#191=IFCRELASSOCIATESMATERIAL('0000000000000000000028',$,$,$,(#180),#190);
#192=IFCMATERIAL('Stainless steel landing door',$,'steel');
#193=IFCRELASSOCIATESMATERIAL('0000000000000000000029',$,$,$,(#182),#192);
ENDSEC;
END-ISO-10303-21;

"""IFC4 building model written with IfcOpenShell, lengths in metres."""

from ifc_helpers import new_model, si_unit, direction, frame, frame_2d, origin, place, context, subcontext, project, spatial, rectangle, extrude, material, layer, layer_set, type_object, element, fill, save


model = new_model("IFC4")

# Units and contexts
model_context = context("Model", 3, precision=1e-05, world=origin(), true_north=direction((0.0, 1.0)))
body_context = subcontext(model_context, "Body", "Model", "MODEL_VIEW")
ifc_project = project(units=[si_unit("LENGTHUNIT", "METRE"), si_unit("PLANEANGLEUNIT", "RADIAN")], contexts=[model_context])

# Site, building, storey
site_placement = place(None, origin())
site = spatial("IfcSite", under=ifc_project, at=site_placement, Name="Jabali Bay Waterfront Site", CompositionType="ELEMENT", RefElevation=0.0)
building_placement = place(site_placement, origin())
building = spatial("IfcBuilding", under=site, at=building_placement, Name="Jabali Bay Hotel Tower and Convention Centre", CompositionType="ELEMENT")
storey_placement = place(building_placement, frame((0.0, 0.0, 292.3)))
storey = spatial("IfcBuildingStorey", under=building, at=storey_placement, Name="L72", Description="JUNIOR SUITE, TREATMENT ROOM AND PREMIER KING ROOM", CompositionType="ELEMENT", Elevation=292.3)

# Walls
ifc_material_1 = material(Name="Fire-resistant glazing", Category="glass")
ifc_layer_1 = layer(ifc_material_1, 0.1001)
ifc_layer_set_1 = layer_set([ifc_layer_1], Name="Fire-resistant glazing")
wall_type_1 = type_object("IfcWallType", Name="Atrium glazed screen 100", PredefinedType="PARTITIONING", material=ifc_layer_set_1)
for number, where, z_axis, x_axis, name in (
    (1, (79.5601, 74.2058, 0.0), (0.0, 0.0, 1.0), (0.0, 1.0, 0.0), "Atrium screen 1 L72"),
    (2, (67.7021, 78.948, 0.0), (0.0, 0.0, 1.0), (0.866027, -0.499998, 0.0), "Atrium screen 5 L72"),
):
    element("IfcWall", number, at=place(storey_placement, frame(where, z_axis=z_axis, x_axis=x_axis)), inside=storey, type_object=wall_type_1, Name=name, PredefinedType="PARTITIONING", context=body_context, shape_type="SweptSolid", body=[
▬▬▬▬▬▬
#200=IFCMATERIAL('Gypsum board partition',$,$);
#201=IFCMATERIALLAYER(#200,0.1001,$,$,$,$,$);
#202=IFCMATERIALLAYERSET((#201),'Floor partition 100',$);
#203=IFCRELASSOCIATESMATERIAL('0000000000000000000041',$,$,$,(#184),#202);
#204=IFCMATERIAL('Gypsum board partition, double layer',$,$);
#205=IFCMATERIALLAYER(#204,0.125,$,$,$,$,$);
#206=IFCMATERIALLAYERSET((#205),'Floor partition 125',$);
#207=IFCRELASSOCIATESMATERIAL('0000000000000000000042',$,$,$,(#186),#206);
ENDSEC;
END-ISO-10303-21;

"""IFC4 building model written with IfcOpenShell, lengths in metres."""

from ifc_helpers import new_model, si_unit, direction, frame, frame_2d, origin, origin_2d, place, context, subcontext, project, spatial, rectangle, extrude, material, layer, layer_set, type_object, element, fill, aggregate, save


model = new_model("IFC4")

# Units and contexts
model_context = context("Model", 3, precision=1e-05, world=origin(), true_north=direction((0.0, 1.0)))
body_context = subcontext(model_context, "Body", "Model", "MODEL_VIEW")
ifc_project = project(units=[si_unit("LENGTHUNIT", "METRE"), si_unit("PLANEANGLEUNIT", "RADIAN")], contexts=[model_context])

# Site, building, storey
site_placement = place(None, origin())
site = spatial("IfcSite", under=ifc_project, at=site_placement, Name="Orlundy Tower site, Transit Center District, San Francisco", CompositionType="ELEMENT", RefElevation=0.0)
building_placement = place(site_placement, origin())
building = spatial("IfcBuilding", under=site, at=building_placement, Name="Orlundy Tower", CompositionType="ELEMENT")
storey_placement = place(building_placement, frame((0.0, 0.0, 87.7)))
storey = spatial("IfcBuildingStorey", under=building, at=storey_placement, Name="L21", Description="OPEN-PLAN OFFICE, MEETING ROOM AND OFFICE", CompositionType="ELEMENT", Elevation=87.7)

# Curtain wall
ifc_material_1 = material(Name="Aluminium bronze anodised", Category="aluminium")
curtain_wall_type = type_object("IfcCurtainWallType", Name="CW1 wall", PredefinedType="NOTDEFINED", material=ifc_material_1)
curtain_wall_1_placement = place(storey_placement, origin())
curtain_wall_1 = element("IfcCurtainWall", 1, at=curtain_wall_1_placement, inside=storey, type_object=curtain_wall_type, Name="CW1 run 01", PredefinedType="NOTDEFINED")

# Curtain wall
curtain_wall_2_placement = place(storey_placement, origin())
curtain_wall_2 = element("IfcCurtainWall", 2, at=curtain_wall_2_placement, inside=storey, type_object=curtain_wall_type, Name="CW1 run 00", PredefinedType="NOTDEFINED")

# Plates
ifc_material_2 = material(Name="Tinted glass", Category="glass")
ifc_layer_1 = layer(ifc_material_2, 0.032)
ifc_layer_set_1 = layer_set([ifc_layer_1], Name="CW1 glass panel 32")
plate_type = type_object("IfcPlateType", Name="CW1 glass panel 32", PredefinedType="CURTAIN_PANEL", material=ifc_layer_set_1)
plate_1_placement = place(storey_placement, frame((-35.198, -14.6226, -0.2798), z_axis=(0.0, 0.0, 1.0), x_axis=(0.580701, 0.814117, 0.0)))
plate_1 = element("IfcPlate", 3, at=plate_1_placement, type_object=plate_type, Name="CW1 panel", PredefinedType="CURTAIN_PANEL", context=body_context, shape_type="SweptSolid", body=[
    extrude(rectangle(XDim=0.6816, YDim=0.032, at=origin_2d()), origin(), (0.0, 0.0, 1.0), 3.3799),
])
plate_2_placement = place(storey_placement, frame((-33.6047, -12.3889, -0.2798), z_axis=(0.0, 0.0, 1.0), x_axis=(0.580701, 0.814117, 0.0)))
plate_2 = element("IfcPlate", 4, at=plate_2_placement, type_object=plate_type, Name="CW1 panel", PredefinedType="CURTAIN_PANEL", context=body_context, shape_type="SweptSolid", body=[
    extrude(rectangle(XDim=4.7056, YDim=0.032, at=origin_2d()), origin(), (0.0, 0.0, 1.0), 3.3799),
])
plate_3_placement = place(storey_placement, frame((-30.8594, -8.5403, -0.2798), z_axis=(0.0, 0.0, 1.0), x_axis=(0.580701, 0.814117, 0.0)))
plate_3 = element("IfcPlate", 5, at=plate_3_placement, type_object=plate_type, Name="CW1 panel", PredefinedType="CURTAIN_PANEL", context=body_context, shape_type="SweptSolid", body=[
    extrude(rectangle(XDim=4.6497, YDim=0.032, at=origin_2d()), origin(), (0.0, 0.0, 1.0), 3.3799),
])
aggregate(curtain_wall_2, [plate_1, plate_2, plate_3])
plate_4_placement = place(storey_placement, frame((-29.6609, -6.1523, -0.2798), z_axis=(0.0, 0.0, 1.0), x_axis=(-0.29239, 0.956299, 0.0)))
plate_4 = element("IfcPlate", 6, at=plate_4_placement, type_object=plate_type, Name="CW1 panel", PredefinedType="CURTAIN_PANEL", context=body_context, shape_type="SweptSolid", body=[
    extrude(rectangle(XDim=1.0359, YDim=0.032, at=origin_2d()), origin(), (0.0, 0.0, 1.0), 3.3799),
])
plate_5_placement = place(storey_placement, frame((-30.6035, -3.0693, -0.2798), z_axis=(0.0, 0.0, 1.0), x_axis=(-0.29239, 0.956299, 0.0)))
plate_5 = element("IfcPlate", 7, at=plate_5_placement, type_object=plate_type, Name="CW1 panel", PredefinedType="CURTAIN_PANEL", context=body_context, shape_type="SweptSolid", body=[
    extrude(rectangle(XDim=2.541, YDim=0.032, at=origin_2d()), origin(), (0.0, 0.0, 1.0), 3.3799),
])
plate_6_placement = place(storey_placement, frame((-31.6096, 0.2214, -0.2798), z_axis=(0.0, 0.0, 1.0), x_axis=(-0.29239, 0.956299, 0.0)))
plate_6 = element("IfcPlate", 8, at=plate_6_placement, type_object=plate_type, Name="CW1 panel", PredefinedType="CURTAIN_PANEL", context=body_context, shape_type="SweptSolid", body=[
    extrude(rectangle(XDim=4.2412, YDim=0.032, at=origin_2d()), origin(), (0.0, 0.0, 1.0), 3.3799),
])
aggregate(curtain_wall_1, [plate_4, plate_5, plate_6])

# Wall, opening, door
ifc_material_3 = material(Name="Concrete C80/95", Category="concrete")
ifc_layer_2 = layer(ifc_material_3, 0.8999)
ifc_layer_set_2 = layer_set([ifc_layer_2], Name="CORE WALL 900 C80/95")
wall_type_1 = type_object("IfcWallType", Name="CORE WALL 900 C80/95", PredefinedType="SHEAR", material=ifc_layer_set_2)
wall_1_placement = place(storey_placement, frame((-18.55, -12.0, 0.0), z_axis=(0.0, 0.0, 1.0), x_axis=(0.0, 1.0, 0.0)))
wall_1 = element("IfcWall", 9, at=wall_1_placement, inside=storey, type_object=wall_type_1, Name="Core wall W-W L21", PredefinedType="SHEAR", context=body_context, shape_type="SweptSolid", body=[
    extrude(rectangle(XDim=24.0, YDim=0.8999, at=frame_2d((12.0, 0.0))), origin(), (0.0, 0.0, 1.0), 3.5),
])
▬▬▬▬▬▬
== DESCRIPTION OF THE TASK ==
Copy every line of the material in which the word "direction" occurs.

== SOLUTION TO THIS PROBLEM ==
from ifc_helpers import new_model, si_unit, direction, frame, frame_2d, origin, place, context, subcontext, project, spatial, rectangle, extrude, material, layer, layer_set, type_object, element, fill, save
model_context = context("Model", 3, precision=1e-05, world=origin(), true_north=direction((0.0, 1.0)))
from ifc_helpers import new_model, si_unit, direction, frame, frame_2d, origin, origin_2d, place, context, subcontext, project, spatial, rectangle, extrude, material, layer, layer_set, type_object, element, fill, aggregate, save
model_context = context("Model", 3, precision=1e-05, world=origin(), true_north=direction((0.0, 1.0)))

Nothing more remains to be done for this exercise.